- _AIM OF THE EXERCISE_: Starting at the line below holding "# Shared definitions" and stopping at the line holding "curtain_wall_placement = place(storey_placement, origin())", print every line exactly, both ends included, and leave the rest out.

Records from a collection
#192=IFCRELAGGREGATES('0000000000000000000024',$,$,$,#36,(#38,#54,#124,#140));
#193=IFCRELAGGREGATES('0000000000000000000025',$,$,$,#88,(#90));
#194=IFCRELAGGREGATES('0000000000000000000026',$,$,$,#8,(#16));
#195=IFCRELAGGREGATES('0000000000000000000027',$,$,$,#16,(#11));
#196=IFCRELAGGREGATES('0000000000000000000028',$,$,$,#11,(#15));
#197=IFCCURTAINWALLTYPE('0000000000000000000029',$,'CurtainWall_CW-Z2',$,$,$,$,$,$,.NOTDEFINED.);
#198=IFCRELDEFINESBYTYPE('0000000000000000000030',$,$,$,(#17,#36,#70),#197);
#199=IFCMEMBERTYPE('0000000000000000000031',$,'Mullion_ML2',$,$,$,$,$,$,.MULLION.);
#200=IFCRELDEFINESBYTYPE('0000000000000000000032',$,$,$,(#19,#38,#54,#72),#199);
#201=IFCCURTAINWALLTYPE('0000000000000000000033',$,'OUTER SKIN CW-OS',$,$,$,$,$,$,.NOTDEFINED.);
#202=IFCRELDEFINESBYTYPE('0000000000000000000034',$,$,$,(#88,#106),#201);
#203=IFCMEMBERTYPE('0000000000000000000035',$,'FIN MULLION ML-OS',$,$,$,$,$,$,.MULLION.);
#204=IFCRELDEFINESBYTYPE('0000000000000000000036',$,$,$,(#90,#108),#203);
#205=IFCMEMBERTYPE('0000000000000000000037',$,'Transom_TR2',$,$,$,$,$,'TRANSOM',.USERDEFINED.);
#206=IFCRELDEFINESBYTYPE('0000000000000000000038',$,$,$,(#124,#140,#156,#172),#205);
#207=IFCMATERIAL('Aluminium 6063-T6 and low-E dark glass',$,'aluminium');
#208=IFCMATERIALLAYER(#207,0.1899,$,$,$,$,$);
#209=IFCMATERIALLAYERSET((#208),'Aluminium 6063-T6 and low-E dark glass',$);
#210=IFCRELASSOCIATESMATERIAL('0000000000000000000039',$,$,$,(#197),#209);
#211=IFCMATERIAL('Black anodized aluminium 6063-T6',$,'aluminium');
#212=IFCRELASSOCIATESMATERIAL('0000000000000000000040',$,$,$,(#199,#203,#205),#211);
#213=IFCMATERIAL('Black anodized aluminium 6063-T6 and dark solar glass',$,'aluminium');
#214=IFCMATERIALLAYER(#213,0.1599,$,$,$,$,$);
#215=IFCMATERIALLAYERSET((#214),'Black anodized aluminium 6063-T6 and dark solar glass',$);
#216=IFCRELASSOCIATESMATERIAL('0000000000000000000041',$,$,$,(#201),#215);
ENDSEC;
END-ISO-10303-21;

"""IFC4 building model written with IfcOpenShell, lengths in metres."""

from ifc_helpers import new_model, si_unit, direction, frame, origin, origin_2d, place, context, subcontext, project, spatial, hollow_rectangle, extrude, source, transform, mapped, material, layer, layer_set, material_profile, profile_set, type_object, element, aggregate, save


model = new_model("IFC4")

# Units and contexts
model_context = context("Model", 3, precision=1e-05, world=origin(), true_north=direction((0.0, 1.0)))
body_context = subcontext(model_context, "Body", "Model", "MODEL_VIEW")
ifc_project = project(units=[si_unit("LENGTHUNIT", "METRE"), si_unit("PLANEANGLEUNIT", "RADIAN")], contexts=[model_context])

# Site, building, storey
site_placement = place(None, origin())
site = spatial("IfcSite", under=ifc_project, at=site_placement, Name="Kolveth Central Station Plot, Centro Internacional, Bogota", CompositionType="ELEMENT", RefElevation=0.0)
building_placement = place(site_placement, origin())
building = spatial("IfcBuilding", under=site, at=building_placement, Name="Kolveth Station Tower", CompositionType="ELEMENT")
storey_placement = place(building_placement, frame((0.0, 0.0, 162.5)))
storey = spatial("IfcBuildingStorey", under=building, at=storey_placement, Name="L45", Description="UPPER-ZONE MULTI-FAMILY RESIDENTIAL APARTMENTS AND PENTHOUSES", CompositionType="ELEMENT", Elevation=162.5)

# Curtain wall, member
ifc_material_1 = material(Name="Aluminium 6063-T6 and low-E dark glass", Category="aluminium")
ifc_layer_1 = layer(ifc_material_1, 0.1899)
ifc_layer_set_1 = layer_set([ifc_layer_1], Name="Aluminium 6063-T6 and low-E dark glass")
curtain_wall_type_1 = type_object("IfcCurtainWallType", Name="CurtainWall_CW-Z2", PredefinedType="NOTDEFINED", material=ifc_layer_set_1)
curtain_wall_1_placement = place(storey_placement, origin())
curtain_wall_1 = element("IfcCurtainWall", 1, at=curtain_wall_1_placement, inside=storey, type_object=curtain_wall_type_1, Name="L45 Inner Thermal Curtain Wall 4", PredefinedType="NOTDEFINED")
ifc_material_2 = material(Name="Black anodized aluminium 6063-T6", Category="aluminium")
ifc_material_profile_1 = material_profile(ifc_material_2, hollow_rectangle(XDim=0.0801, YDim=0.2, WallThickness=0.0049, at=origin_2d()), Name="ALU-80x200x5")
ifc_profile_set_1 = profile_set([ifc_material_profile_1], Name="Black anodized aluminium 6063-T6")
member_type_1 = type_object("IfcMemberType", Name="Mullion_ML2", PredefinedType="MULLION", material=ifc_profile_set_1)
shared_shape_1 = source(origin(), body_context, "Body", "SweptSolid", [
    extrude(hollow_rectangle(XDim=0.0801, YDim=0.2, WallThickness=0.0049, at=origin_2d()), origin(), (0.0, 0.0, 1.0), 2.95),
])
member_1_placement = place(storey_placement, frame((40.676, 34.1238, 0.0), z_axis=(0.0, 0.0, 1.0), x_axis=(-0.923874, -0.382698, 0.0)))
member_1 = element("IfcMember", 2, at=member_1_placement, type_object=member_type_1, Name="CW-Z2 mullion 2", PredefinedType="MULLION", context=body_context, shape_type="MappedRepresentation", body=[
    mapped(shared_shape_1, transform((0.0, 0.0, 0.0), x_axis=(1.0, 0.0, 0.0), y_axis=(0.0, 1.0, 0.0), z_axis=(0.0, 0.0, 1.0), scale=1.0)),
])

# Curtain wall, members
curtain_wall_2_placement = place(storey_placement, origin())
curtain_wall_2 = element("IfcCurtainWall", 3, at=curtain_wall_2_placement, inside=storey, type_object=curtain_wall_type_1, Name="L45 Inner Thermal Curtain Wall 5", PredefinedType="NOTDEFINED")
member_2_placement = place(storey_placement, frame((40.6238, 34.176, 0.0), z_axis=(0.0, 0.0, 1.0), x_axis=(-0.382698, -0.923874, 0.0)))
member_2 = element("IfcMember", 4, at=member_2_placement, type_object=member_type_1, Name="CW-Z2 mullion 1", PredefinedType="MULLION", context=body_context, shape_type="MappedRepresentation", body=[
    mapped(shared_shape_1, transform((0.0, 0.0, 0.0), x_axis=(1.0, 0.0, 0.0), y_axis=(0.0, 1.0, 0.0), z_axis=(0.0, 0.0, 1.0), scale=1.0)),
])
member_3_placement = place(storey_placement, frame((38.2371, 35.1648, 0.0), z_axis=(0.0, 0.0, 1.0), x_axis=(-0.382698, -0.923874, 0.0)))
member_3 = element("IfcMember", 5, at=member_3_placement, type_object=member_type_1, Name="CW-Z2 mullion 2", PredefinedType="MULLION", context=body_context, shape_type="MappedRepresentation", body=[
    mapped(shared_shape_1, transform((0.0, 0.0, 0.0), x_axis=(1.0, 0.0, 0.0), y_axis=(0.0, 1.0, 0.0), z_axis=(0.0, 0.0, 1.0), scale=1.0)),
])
* * *
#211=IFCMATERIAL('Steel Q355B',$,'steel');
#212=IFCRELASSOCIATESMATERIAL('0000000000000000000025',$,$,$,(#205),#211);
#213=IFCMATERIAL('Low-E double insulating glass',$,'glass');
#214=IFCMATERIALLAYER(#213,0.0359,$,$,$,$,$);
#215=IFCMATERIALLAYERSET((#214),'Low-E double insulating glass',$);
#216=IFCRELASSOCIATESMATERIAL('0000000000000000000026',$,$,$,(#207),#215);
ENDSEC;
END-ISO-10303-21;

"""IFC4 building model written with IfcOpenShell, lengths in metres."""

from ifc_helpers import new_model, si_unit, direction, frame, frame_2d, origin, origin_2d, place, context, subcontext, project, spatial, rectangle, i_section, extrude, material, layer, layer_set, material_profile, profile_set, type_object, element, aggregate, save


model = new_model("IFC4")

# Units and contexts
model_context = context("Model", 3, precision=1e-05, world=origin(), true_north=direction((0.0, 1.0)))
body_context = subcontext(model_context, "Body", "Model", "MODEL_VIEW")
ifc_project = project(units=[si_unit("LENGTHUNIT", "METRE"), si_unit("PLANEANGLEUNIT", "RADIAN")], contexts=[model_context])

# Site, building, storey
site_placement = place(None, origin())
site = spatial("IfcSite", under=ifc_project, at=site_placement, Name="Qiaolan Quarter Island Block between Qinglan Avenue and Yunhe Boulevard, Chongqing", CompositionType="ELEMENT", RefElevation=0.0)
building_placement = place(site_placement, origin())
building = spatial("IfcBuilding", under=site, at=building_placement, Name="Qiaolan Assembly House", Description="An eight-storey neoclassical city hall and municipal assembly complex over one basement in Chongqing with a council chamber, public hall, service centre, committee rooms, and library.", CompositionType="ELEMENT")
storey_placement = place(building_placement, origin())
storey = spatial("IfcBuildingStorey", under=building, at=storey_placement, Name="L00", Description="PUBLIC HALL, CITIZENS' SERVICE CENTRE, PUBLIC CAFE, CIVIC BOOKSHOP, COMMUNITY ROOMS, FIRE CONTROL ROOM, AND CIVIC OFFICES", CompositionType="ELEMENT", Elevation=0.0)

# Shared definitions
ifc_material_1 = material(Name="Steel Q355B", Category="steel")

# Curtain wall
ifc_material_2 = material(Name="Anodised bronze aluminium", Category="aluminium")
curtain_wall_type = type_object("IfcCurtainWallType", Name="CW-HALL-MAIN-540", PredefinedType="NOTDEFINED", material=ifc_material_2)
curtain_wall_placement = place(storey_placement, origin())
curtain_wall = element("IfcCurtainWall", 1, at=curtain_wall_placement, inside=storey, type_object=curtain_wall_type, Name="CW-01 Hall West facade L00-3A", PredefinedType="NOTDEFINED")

- _ANSWER FOR THE TASK_:
# Shared definitions
ifc_material_1 = material(Name="Steel Q355B", Category="steel")

# Curtain wall
ifc_material_2 = material(Name="Anodised bronze aluminium", Category="aluminium")
curtain_wall_type = type_object("IfcCurtainWallType", Name="CW-HALL-MAIN-540", PredefinedType="NOTDEFINED", material=ifc_material_2)
curtain_wall_placement = place(storey_placement, origin())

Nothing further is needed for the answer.